- **To do**
Every record is to be restated exactly, with nothing left out.

BEGIN Data extracts

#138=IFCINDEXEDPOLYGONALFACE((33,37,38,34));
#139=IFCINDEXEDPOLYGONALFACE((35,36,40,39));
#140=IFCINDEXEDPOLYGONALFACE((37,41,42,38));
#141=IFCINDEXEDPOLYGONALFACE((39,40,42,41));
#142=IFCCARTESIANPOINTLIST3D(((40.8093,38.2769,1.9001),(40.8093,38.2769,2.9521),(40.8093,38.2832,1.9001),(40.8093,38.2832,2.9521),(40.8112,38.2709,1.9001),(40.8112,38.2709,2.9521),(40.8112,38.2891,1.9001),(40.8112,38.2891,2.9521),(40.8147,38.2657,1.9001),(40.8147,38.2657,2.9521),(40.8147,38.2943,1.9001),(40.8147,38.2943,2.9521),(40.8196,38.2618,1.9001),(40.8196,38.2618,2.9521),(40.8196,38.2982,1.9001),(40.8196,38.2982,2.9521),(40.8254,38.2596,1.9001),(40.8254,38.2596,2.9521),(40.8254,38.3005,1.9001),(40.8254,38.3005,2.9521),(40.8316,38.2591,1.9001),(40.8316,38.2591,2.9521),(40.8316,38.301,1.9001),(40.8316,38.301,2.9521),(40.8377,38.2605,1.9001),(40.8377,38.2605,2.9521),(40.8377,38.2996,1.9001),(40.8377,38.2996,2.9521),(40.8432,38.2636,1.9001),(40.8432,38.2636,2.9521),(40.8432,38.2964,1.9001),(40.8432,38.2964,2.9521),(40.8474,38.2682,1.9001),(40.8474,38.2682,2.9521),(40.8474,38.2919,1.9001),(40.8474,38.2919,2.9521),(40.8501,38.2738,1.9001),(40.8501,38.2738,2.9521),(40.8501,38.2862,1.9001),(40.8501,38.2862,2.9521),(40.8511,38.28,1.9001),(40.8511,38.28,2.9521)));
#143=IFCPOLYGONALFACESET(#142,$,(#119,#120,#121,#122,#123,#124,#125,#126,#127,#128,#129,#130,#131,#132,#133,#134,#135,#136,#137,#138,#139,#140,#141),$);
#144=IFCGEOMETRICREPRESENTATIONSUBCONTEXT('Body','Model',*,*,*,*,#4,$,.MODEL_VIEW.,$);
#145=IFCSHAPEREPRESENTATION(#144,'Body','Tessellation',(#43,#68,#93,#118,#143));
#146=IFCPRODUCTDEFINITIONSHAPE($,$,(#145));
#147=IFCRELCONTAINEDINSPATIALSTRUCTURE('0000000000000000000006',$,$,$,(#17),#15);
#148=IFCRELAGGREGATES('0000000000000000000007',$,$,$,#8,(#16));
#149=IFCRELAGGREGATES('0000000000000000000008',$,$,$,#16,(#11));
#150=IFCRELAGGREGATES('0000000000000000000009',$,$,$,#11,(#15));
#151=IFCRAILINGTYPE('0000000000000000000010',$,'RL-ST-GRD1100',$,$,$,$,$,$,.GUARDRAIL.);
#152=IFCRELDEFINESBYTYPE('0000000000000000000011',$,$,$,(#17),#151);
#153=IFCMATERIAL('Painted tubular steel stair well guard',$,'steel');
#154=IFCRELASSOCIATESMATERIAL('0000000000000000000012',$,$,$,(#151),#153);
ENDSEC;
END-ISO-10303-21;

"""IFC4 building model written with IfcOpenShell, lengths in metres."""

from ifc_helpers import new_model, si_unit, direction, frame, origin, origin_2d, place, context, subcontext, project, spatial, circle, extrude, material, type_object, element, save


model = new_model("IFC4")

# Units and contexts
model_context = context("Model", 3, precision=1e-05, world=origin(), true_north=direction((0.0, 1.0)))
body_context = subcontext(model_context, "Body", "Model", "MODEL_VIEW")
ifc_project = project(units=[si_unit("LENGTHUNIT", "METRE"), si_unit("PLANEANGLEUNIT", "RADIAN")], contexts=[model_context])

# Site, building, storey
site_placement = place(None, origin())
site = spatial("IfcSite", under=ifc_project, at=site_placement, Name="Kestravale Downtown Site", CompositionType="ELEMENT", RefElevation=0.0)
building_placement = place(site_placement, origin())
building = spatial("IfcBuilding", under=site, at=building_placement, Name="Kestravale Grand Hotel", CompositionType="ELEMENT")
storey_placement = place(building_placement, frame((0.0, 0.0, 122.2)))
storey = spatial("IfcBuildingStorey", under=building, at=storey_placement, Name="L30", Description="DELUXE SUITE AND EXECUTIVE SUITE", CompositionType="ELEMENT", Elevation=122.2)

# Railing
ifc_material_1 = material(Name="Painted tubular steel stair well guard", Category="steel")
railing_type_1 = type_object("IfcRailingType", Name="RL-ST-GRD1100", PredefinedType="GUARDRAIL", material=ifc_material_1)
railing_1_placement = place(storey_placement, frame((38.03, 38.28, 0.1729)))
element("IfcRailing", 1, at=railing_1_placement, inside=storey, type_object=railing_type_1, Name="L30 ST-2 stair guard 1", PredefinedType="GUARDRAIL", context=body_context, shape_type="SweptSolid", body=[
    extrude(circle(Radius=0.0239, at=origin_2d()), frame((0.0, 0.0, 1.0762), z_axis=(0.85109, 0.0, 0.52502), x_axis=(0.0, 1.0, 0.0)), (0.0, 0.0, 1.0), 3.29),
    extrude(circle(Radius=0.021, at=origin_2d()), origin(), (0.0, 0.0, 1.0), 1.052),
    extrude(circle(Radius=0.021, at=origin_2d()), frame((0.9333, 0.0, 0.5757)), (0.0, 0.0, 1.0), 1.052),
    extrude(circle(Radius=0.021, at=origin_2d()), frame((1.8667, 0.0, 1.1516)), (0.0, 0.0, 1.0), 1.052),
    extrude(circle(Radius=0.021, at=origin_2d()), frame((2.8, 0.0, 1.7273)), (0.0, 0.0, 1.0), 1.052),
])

END Data extracts

- **Answer section**
#138=IFCINDEXEDPOLYGONALFACE((33,37,38,34));
#139=IFCINDEXEDPOLYGONALFACE((35,36,40,39));
#140=IFCINDEXEDPOLYGONALFACE((37,41,42,38));
#141=IFCINDEXEDPOLYGONALFACE((39,40,42,41));
#142=IFCCARTESIANPOINTLIST3D(((40.8093,38.2769,1.9001),(40.8093,38.2769,2.9521),(40.8093,38.2832,1.9001),(40.8093,38.2832,2.9521),(40.8112,38.2709,1.9001),(40.8112,38.2709,2.9521),(40.8112,38.2891,1.9001),(40.8112,38.2891,2.9521),(40.8147,38.2657,1.9001),(40.8147,38.2657,2.9521),(40.8147,38.2943,1.9001),(40.8147,38.2943,2.9521),(40.8196,38.2618,1.9001),(40.8196,38.2618,2.9521),(40.8196,38.2982,1.9001),(40.8196,38.2982,2.9521),(40.8254,38.2596,1.9001),(40.8254,38.2596,2.9521),(40.8254,38.3005,1.9001),(40.8254,38.3005,2.9521),(40.8316,38.2591,1.9001),(40.8316,38.2591,2.9521),(40.8316,38.301,1.9001),(40.8316,38.301,2.9521),(40.8377,38.2605,1.9001),(40.8377,38.2605,2.9521),(40.8377,38.2996,1.9001),(40.8377,38.2996,2.9521),(40.8432,38.2636,1.9001),(40.8432,38.2636,2.9521),(40.8432,38.2964,1.9001),(40.8432,38.2964,2.9521),(40.8474,38.2682,1.9001),(40.8474,38.2682,2.9521),(40.8474,38.2919,1.9001),(40.8474,38.2919,2.9521),(40.8501,38.2738,1.9001),(40.8501,38.2738,2.9521),(40.8501,38.2862,1.9001),(40.8501,38.2862,2.9521),(40.8511,38.28,1.9001),(40.8511,38.28,2.9521)));
#143=IFCPOLYGONALFACESET(#142,$,(#119,#120,#121,#122,#123,#124,#125,#126,#127,#128,#129,#130,#131,#132,#133,#134,#135,#136,#137,#138,#139,#140,#141),$);
#144=IFCGEOMETRICREPRESENTATIONSUBCONTEXT('Body','Model',*,*,*,*,#4,$,.MODEL_VIEW.,$);
#145=IFCSHAPEREPRESENTATION(#144,'Body','Tessellation',(#43,#68,#93,#118,#143));
#146=IFCPRODUCTDEFINITIONSHAPE($,$,(#145));
#147=IFCRELCONTAINEDINSPATIALSTRUCTURE('0000000000000000000006',$,$,$,(#17),#15);
#148=IFCRELAGGREGATES('0000000000000000000007',$,$,$,#8,(#16));
#149=IFCRELAGGREGATES('0000000000000000000008',$,$,$,#16,(#11));
#150=IFCRELAGGREGATES('0000000000000000000009',$,$,$,#11,(#15));
#151=IFCRAILINGTYPE('0000000000000000000010',$,'RL-ST-GRD1100',$,$,$,$,$,$,.GUARDRAIL.);
#152=IFCRELDEFINESBYTYPE('0000000000000000000011',$,$,$,(#17),#151);
#153=IFCMATERIAL('Painted tubular steel stair well guard',$,'steel');
#154=IFCRELASSOCIATESMATERIAL('0000000000000000000012',$,$,$,(#151),#153);
ENDSEC;
END-ISO-10303-21;

"""IFC4 building model written with IfcOpenShell, lengths in metres."""

from ifc_helpers import new_model, si_unit, direction, frame, origin, origin_2d, place, context, subcontext, project, spatial, circle, extrude, material, type_object, element, save


model = new_model("IFC4")

# Units and contexts
model_context = context("Model", 3, precision=1e-05, world=origin(), true_north=direction((0.0, 1.0)))
body_context = subcontext(model_context, "Body", "Model", "MODEL_VIEW")
ifc_project = project(units=[si_unit("LENGTHUNIT", "METRE"), si_unit("PLANEANGLEUNIT", "RADIAN")], contexts=[model_context])

# Site, building, storey
site_placement = place(None, origin())
site = spatial("IfcSite", under=ifc_project, at=site_placement, Name="Kestravale Downtown Site", CompositionType="ELEMENT", RefElevation=0.0)
building_placement = place(site_placement, origin())
building = spatial("IfcBuilding", under=site, at=building_placement, Name="Kestravale Grand Hotel", CompositionType="ELEMENT")
storey_placement = place(building_placement, frame((0.0, 0.0, 122.2)))
storey = spatial("IfcBuildingStorey", under=building, at=storey_placement, Name="L30", Description="DELUXE SUITE AND EXECUTIVE SUITE", CompositionType="ELEMENT", Elevation=122.2)

# Railing
ifc_material_1 = material(Name="Painted tubular steel stair well guard", Category="steel")
railing_type_1 = type_object("IfcRailingType", Name="RL-ST-GRD1100", PredefinedType="GUARDRAIL", material=ifc_material_1)
railing_1_placement = place(storey_placement, frame((38.03, 38.28, 0.1729)))
element("IfcRailing", 1, at=railing_1_placement, inside=storey, type_object=railing_type_1, Name="L30 ST-2 stair guard 1", PredefinedType="GUARDRAIL", context=body_context, shape_type="SweptSolid", body=[
    extrude(circle(Radius=0.0239, at=origin_2d()), frame((0.0, 0.0, 1.0762), z_axis=(0.85109, 0.0, 0.52502), x_axis=(0.0, 1.0, 0.0)), (0.0, 0.0, 1.0), 3.29),
    extrude(circle(Radius=0.021, at=origin_2d()), origin(), (0.0, 0.0, 1.0), 1.052),
    extrude(circle(Radius=0.021, at=origin_2d()), frame((0.9333, 0.0, 0.5757)), (0.0, 0.0, 1.0), 1.052),
    extrude(circle(Radius=0.021, at=origin_2d()), frame((1.8667, 0.0, 1.1516)), (0.0, 0.0, 1.0), 1.052),
    extrude(circle(Radius=0.021, at=origin_2d()), frame((2.8, 0.0, 1.7273)), (0.0, 0.0, 1.0), 1.052),
])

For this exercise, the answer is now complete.